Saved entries
▬▬▬▬▬▬
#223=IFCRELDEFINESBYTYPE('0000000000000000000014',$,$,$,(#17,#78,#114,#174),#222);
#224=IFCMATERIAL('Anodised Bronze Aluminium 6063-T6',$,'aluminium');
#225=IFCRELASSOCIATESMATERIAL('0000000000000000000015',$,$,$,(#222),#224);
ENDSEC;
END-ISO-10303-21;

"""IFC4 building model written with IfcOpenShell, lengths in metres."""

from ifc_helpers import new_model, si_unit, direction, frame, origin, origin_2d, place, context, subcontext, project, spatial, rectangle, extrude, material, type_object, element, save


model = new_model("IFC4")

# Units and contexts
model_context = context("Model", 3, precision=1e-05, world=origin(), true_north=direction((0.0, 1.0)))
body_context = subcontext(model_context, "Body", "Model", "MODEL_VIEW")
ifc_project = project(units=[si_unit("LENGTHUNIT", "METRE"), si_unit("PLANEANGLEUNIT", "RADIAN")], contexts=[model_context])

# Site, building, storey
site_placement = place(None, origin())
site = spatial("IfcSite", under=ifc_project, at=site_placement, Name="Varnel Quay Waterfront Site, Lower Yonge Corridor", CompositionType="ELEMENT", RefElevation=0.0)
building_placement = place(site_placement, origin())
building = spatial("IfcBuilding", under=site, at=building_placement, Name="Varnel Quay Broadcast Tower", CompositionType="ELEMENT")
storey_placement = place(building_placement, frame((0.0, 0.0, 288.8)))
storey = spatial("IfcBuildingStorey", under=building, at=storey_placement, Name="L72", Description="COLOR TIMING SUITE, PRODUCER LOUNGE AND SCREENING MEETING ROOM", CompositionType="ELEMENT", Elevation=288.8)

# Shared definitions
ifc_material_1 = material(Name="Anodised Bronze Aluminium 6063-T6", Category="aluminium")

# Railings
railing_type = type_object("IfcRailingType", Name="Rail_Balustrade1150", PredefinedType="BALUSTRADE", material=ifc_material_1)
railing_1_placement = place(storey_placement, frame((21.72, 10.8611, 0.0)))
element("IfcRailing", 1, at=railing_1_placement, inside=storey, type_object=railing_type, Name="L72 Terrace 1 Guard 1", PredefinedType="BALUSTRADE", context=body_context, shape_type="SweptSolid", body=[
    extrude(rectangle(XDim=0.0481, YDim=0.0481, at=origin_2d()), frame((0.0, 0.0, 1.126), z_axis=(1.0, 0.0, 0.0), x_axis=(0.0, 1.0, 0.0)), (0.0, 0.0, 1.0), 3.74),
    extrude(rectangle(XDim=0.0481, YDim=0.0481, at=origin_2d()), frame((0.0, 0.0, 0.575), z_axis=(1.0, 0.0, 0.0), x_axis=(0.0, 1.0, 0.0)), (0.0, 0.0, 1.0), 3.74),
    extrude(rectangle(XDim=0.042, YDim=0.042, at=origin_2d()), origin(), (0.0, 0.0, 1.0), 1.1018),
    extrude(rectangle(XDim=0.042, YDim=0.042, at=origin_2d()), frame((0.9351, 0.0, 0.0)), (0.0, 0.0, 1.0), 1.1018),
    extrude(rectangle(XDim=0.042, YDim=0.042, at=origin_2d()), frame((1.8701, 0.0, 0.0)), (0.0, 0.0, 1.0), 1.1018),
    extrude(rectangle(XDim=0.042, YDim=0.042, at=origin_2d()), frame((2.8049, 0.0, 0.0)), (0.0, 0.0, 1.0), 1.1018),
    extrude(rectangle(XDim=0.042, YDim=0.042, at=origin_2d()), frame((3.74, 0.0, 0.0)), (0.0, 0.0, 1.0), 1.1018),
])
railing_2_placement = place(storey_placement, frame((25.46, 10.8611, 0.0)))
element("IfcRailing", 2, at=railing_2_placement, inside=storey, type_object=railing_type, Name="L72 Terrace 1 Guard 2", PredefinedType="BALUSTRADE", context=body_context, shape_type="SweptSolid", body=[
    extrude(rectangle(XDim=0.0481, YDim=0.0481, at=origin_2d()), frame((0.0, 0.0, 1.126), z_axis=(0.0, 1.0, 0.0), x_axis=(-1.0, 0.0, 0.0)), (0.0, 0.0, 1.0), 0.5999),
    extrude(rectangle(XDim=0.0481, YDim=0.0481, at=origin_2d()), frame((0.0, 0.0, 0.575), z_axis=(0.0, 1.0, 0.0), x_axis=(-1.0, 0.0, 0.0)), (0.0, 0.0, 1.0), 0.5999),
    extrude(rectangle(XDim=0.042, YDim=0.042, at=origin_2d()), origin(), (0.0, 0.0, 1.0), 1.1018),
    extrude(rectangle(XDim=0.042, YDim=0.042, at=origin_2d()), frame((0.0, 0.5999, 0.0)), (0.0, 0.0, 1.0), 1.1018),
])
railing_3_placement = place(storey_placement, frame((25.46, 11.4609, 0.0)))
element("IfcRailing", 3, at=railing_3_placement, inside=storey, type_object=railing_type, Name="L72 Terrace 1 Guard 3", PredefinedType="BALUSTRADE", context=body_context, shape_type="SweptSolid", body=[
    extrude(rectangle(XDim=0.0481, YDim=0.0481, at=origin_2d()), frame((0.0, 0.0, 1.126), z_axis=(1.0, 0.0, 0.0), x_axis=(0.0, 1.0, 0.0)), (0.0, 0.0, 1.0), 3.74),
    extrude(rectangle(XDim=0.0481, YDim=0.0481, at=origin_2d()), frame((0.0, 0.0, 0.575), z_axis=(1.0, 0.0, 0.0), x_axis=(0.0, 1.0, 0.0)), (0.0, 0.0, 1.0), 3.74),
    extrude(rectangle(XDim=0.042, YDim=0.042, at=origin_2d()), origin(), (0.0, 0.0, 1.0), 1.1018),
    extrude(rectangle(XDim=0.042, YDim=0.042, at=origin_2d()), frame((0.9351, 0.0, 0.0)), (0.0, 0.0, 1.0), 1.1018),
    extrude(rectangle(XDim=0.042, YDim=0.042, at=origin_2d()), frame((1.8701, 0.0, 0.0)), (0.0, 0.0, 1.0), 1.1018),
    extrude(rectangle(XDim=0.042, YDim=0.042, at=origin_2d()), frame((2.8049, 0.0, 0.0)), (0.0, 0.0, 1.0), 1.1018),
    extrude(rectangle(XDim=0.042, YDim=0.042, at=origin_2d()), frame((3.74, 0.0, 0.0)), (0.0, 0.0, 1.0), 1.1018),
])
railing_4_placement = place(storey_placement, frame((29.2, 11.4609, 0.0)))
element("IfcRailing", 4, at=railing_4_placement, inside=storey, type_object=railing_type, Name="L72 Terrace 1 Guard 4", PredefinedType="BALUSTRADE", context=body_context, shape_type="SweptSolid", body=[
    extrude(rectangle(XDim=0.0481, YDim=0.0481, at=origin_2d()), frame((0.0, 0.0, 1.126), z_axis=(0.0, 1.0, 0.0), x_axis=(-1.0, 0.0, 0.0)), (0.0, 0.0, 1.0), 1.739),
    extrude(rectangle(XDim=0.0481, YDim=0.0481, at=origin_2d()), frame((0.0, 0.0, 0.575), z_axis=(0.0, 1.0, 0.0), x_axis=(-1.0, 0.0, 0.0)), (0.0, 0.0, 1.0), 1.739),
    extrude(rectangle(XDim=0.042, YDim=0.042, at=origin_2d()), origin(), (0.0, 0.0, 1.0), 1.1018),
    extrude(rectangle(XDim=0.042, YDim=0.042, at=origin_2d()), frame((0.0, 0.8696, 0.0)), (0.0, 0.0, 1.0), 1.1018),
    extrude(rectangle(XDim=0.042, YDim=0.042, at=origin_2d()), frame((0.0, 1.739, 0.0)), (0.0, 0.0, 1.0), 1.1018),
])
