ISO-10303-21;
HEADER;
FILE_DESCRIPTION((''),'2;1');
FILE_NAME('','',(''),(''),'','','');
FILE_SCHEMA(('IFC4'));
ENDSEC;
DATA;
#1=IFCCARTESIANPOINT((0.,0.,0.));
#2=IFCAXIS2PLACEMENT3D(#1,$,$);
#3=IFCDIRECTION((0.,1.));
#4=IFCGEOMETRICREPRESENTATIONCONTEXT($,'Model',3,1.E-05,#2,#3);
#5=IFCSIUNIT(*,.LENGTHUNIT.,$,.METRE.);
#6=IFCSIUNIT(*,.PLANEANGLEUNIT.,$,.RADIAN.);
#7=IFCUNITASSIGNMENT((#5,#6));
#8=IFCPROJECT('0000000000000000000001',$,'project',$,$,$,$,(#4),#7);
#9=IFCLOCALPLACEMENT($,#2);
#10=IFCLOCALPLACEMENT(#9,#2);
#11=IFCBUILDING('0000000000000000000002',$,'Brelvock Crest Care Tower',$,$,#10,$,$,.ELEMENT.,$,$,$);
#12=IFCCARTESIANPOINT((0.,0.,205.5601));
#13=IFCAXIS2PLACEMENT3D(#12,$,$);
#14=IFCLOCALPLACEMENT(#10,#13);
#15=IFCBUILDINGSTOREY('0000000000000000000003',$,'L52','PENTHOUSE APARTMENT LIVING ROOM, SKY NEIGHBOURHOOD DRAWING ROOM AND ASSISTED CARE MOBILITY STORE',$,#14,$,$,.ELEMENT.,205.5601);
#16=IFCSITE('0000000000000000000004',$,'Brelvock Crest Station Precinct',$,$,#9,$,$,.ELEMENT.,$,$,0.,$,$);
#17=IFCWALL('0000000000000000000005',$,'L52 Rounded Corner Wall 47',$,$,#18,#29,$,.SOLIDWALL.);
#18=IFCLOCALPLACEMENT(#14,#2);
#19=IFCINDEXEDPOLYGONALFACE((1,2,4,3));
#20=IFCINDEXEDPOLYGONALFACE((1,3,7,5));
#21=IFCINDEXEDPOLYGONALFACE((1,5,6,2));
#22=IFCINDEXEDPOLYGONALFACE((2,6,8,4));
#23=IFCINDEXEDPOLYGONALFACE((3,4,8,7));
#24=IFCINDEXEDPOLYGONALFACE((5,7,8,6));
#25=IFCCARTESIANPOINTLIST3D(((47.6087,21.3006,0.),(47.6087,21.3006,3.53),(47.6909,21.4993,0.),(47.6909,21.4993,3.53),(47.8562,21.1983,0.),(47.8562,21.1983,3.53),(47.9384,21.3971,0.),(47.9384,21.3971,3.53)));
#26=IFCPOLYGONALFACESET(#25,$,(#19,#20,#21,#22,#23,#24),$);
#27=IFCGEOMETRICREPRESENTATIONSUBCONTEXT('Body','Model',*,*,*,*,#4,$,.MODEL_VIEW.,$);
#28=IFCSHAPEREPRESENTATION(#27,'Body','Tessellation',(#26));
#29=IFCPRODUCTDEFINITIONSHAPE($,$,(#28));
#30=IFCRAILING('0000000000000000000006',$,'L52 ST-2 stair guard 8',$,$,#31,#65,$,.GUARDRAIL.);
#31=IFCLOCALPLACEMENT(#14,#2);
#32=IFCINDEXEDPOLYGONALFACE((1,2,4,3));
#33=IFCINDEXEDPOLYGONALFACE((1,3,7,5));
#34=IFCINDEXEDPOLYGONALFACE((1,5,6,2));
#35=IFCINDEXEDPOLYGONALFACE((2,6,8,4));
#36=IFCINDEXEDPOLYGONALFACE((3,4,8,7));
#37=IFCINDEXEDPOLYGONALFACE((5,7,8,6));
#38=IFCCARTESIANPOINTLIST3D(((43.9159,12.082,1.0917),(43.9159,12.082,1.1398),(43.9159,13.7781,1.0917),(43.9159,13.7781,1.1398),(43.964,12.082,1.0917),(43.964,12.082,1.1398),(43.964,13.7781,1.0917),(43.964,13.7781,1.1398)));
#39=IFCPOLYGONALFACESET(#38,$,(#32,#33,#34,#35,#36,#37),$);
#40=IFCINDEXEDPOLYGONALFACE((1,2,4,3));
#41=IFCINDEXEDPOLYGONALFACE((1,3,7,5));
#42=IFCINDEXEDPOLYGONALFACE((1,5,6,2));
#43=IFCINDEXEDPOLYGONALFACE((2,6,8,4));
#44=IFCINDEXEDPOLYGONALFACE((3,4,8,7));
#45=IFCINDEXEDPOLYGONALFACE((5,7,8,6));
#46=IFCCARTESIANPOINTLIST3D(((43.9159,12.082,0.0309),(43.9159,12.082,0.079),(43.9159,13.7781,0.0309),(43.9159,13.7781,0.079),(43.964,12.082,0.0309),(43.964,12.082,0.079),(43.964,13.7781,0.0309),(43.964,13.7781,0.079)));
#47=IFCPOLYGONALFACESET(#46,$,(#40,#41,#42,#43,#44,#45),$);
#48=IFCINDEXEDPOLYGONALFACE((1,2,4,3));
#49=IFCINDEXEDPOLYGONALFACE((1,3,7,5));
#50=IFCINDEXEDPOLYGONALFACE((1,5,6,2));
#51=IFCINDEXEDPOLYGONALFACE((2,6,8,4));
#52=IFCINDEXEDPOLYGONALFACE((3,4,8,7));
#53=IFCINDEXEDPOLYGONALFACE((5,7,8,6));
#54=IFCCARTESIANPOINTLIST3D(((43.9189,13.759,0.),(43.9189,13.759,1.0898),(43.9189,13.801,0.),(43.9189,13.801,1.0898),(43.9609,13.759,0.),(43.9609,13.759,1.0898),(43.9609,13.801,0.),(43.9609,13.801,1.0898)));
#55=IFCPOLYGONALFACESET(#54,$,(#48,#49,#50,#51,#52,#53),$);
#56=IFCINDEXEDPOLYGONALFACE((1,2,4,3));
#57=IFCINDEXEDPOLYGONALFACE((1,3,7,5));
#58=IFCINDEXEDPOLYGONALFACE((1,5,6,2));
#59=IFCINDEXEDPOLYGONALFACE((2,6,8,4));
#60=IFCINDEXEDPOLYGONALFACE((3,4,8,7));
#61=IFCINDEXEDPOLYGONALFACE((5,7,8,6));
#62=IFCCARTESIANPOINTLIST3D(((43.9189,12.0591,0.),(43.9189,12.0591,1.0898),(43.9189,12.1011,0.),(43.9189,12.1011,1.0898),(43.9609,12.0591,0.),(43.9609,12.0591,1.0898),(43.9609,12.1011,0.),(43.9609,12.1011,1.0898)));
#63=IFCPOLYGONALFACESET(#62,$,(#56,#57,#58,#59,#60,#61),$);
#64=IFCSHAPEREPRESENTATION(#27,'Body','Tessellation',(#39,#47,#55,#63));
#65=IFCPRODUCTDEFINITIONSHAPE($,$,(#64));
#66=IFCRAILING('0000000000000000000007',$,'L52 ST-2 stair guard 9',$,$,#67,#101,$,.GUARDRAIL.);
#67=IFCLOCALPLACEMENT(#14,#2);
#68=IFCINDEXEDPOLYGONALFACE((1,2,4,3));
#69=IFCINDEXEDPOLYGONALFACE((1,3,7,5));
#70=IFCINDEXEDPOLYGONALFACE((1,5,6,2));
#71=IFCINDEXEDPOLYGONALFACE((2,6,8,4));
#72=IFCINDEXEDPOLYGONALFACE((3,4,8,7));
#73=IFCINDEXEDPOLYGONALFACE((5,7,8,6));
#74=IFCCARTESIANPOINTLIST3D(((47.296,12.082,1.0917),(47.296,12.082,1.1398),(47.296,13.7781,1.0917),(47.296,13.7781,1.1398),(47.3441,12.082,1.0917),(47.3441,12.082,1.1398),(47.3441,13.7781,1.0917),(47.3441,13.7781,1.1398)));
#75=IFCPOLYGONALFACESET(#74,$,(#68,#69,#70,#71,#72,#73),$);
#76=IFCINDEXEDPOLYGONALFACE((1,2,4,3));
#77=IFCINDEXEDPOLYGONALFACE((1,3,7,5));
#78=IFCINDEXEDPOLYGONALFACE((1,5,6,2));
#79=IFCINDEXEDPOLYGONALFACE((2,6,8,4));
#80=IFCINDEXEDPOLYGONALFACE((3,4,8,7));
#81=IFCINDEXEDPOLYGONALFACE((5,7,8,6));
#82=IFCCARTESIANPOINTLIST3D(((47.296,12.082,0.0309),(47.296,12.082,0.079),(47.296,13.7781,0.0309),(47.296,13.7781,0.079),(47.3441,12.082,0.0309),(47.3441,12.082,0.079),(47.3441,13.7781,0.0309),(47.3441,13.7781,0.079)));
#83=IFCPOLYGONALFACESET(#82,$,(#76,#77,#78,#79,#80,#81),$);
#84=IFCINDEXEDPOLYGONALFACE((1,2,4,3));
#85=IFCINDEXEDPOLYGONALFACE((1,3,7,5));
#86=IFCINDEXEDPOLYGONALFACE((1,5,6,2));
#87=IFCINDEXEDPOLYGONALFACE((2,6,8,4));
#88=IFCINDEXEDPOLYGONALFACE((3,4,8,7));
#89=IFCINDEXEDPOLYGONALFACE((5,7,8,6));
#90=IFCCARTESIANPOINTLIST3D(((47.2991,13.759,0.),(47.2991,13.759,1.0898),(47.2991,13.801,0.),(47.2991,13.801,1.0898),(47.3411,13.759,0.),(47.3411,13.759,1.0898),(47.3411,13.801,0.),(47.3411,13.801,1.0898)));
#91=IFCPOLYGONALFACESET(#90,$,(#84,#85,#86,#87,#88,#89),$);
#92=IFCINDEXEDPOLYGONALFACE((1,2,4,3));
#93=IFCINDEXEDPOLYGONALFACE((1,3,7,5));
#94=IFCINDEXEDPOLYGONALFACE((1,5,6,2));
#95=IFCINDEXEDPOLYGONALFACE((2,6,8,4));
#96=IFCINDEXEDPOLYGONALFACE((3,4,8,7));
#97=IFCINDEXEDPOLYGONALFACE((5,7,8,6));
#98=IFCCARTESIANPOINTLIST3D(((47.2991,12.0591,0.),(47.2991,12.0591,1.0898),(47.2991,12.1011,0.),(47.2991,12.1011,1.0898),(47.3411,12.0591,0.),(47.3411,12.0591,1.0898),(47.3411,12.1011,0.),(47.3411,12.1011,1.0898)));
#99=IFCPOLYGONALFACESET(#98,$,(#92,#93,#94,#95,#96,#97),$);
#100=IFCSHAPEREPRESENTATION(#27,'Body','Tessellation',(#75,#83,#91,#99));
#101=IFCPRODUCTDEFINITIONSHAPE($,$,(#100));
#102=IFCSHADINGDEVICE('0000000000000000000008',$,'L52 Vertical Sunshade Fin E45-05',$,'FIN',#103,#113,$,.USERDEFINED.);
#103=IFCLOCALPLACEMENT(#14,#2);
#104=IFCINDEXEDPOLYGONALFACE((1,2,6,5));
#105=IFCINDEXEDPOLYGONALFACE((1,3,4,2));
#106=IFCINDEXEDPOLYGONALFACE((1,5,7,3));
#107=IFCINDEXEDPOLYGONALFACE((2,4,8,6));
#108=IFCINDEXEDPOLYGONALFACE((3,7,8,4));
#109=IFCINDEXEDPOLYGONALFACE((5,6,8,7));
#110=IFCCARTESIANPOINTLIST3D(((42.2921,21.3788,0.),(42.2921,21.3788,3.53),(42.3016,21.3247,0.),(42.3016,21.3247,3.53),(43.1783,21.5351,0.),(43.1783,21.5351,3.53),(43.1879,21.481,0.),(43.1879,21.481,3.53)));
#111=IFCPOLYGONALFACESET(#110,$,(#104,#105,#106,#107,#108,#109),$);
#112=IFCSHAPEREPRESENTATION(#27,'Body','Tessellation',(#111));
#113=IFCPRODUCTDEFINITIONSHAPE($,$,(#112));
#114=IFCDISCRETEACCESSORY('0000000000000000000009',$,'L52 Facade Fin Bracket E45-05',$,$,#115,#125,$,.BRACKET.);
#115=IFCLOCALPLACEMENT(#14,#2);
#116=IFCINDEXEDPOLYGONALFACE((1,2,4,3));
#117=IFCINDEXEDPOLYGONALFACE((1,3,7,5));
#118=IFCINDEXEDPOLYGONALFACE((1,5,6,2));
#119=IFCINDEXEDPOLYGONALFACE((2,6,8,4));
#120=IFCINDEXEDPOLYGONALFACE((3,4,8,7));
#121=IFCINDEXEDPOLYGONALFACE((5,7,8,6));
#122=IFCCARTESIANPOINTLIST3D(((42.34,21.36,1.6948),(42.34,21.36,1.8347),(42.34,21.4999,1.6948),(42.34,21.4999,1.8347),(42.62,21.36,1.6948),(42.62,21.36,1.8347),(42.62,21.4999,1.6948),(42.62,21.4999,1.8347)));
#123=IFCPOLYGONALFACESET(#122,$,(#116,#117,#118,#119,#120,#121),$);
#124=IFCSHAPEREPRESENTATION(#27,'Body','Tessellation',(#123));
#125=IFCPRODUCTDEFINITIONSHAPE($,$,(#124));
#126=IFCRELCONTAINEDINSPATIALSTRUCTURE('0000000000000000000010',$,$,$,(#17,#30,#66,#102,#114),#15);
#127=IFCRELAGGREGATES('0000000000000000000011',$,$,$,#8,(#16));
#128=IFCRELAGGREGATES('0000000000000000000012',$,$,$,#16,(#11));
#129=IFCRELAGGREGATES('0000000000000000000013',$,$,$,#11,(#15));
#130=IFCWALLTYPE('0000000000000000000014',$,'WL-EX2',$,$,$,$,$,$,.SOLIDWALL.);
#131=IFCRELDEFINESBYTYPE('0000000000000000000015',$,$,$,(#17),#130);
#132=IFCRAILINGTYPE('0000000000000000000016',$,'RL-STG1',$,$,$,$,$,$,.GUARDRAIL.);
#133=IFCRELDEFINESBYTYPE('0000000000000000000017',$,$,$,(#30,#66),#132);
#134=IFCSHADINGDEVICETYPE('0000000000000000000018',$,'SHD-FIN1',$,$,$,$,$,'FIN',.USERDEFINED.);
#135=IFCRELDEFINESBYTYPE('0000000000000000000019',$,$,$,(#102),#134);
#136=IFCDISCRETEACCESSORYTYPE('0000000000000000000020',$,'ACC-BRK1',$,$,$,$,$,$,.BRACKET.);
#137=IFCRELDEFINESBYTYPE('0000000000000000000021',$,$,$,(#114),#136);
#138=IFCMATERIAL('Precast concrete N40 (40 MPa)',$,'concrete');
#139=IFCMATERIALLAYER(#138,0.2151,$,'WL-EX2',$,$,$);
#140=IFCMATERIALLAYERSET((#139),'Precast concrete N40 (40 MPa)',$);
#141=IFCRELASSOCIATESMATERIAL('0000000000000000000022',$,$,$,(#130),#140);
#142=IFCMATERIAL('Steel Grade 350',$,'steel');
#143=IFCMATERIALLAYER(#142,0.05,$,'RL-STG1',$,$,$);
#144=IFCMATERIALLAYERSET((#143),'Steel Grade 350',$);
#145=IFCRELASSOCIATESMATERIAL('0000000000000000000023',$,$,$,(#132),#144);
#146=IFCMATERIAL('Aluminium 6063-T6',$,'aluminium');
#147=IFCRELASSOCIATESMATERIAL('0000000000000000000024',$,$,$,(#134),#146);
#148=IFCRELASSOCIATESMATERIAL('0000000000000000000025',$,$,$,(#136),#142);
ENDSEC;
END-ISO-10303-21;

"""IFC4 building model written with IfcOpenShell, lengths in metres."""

from ifc_helpers import new_model, si_unit, direction, frame, frame_2d, origin, origin_2d, place, context, subcontext, project, spatial, rectangle, extrude, source, transform, mapped, material, layer, layer_set, material_profile, profile_set, type_object, element, save


model = new_model("IFC4")

# Units and contexts
model_context = context("Model", 3, precision=1e-05, world=origin(), true_north=direction((0.0, 1.0)))
body_context = subcontext(model_context, "Body", "Model", "MODEL_VIEW")
ifc_project = project(units=[si_unit("LENGTHUNIT", "METRE"), si_unit("PLANEANGLEUNIT", "RADIAN")], contexts=[model_context])

# Site, building, storey
site_placement = place(None, origin())
site = spatial("IfcSite", under=ifc_project, at=site_placement, Name="Brelvock Crest Station Precinct", CompositionType="ELEMENT", RefElevation=0.0)
building_placement = place(site_placement, origin())
building = spatial("IfcBuilding", under=site, at=building_placement, Name="Brelvock Crest Care Tower", CompositionType="ELEMENT")
storey_placement = place(building_placement, frame((0.0, 0.0, 205.5601)))
storey = spatial("IfcBuildingStorey", under=building, at=storey_placement, Name="L52", Description="PENTHOUSE APARTMENT LIVING ROOM, SKY NEIGHBOURHOOD DRAWING ROOM AND ASSISTED CARE MOBILITY STORE", CompositionType="ELEMENT", Elevation=205.5601)

# Shared definitions
ifc_material_1 = material(Name="Steel Grade 350", Category="steel")

# Shared definitions
ifc_material_2 = material(Name="Aluminium 6063-T6", Category="aluminium")

# Wall
ifc_material_3 = material(Name="Precast concrete N40 (40 MPa)", Category="concrete")
ifc_layer_1 = layer(ifc_material_3, 0.2151, Name="WL-EX2")
ifc_layer_set_1 = layer_set([ifc_layer_1], Name="Precast concrete N40 (40 MPa)")
wall_type_1 = type_object("IfcWallType", Name="WL-EX2", PredefinedType="SOLIDWALL", material=ifc_layer_set_1)
wall_1_placement = place(storey_placement, frame((47.6499, 21.3999, 0.0), z_axis=(0.0, 0.0, 1.0), x_axis=(0.924205, -0.381896, 0.0)))
element("IfcWall", 1, at=wall_1_placement, inside=storey, type_object=wall_type_1, Name="L52 Rounded Corner Wall 47", PredefinedType="SOLIDWALL", context=body_context, shape_type="SweptSolid", body=[
    extrude(rectangle(XDim=0.2678, YDim=0.2151, at=frame_2d((0.1338, 0.0))), origin(), (0.0, 0.0, 1.0), 3.53),
])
▬▬▬▬▬▬
» **Brief**
If a line falls between the first line of the records and the line containing "frame((21.72, 10.8611, 0.0)))", inclusive, repeat it exactly; leave out all others.

» **Output of the task**
#223=IFCRELDEFINESBYTYPE('0000000000000000000014',$,$,$,(#17,#78,#114,#174),#222);
#224=IFCMATERIAL('Anodised Bronze Aluminium 6063-T6',$,'aluminium');
#225=IFCRELASSOCIATESMATERIAL('0000000000000000000015',$,$,$,(#222),#224);
ENDSEC;
END-ISO-10303-21;

"""IFC4 building model written with IfcOpenShell, lengths in metres."""

from ifc_helpers import new_model, si_unit, direction, frame, origin, origin_2d, place, context, subcontext, project, spatial, rectangle, extrude, material, type_object, element, save


model = new_model("IFC4")

# Units and contexts
model_context = context("Model", 3, precision=1e-05, world=origin(), true_north=direction((0.0, 1.0)))
body_context = subcontext(model_context, "Body", "Model", "MODEL_VIEW")
ifc_project = project(units=[si_unit("LENGTHUNIT", "METRE"), si_unit("PLANEANGLEUNIT", "RADIAN")], contexts=[model_context])

# Site, building, storey
site_placement = place(None, origin())
site = spatial("IfcSite", under=ifc_project, at=site_placement, Name="Varnel Quay Waterfront Site, Lower Yonge Corridor", CompositionType="ELEMENT", RefElevation=0.0)
building_placement = place(site_placement, origin())
building = spatial("IfcBuilding", under=site, at=building_placement, Name="Varnel Quay Broadcast Tower", CompositionType="ELEMENT")
storey_placement = place(building_placement, frame((0.0, 0.0, 288.8)))
storey = spatial("IfcBuildingStorey", under=building, at=storey_placement, Name="L72", Description="COLOR TIMING SUITE, PRODUCER LOUNGE AND SCREENING MEETING ROOM", CompositionType="ELEMENT", Elevation=288.8)

# Shared definitions
ifc_material_1 = material(Name="Anodised Bronze Aluminium 6063-T6", Category="aluminium")

# Railings
railing_type = type_object("IfcRailingType", Name="Rail_Balustrade1150", PredefinedType="BALUSTRADE", material=ifc_material_1)
railing_1_placement = place(storey_placement, frame((21.72, 10.8611, 0.0)))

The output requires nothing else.